• **Work task**: Please filter the entries for the word "IFCPOLYGONALFACESET" and copy every line that has it.

• **Source data**:

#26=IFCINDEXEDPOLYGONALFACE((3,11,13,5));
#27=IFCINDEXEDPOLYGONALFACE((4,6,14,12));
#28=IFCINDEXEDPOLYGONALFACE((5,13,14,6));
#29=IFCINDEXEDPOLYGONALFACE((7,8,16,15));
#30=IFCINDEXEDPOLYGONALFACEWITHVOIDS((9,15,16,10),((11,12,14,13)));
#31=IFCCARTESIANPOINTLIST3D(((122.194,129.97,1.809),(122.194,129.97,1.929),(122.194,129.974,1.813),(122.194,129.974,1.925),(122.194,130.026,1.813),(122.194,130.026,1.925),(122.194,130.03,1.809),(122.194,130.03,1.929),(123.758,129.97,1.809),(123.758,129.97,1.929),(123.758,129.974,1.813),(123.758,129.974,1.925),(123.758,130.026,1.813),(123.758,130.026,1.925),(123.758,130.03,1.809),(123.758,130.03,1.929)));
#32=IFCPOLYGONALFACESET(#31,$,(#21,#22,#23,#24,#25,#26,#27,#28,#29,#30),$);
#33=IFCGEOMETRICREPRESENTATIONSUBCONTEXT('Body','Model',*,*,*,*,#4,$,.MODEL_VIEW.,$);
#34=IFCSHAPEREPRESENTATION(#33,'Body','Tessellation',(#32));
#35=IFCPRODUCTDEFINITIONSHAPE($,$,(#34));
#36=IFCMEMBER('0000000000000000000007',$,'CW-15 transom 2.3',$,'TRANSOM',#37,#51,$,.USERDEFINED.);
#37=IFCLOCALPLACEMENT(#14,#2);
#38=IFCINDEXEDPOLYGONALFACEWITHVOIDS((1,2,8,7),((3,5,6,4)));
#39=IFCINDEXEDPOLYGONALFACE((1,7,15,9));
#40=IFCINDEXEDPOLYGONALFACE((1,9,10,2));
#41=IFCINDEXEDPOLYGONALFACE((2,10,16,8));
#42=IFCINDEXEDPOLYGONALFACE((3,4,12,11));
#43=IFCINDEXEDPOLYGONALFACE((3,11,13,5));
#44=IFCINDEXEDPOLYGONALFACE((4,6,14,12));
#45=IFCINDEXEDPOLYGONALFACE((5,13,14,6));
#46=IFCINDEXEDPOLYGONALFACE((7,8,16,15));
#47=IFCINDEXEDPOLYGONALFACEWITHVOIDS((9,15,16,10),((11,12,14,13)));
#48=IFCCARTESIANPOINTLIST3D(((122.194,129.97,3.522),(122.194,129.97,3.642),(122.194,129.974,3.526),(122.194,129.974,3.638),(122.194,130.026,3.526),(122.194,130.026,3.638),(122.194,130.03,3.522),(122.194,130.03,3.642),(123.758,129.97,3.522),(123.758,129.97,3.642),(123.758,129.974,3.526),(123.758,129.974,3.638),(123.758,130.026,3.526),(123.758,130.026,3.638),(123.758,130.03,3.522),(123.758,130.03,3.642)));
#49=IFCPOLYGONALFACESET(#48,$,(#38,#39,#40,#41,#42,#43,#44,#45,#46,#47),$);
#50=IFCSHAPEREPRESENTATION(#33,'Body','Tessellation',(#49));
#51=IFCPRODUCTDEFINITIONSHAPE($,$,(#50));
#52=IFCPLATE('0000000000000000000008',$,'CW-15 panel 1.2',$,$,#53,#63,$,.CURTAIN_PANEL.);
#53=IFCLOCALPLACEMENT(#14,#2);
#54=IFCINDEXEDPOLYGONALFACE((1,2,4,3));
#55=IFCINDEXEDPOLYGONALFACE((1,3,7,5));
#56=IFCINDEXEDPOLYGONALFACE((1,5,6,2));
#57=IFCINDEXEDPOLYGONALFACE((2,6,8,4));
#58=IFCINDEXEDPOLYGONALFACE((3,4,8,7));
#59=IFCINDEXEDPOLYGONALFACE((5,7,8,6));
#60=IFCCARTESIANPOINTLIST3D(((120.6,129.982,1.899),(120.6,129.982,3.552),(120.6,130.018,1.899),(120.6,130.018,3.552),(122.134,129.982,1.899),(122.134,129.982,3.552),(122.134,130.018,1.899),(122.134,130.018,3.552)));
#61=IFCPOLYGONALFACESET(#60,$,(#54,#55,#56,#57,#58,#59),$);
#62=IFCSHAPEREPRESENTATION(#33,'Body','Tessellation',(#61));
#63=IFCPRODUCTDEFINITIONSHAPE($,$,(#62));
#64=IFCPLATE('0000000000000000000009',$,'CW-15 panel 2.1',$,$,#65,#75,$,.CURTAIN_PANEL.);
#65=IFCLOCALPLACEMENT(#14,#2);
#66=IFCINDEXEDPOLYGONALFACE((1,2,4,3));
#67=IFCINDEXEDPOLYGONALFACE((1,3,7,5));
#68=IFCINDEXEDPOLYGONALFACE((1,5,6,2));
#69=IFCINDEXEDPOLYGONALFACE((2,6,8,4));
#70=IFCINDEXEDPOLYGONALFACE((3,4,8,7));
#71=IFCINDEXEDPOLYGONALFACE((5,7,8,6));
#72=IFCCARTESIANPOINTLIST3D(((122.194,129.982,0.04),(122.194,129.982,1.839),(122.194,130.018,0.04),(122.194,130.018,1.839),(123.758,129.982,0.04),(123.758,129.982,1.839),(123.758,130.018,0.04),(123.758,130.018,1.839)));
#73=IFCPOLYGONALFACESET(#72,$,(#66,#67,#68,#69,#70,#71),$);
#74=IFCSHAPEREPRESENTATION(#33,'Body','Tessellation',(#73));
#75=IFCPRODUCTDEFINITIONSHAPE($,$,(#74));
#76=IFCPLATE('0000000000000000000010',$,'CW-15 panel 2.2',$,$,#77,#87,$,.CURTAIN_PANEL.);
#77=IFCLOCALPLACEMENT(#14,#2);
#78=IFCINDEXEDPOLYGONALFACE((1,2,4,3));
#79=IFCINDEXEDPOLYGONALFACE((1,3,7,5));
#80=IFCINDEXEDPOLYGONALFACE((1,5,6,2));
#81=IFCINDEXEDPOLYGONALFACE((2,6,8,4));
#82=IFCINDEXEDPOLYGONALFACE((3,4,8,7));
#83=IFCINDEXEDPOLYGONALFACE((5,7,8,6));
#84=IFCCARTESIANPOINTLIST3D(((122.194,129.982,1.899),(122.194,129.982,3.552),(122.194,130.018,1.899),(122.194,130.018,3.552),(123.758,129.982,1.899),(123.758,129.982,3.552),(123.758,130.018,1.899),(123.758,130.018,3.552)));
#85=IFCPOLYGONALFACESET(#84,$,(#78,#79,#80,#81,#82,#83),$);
...
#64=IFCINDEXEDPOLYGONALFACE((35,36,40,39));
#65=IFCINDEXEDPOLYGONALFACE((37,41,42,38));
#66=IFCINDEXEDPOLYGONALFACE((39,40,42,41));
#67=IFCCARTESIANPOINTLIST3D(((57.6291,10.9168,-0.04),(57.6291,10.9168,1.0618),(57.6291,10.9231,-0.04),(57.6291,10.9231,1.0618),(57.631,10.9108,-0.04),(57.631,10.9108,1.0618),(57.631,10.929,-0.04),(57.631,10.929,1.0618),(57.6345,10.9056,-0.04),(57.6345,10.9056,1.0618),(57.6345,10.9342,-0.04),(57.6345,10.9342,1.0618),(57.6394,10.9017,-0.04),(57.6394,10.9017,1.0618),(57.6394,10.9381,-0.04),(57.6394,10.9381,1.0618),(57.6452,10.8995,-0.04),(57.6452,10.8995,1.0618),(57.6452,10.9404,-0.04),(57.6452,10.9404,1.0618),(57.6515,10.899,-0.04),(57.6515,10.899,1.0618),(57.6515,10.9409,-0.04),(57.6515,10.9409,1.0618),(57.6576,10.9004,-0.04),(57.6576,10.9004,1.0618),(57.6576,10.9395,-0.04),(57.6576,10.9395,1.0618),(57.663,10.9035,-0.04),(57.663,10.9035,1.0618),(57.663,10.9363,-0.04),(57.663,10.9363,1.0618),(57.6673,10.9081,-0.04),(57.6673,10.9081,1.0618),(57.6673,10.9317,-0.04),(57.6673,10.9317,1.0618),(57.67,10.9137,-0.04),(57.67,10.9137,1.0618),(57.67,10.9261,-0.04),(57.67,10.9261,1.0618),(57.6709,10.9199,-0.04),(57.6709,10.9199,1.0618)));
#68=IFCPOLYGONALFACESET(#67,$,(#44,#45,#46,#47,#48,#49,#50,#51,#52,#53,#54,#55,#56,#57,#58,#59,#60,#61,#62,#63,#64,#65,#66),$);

• **Exercise output**:
#32=IFCPOLYGONALFACESET(#31,$,(#21,#22,#23,#24,#25,#26,#27,#28,#29,#30),$);
#49=IFCPOLYGONALFACESET(#48,$,(#38,#39,#40,#41,#42,#43,#44,#45,#46,#47),$);
#61=IFCPOLYGONALFACESET(#60,$,(#54,#55,#56,#57,#58,#59),$);
#73=IFCPOLYGONALFACESET(#72,$,(#66,#67,#68,#69,#70,#71),$);
#85=IFCPOLYGONALFACESET(#84,$,(#78,#79,#80,#81,#82,#83),$);
#68=IFCPOLYGONALFACESET(#67,$,(#44,#45,#46,#47,#48,#49,#50,#51,#52,#53,#54,#55,#56,#57,#58,#59,#60,#61,#62,#63,#64,#65,#66),$);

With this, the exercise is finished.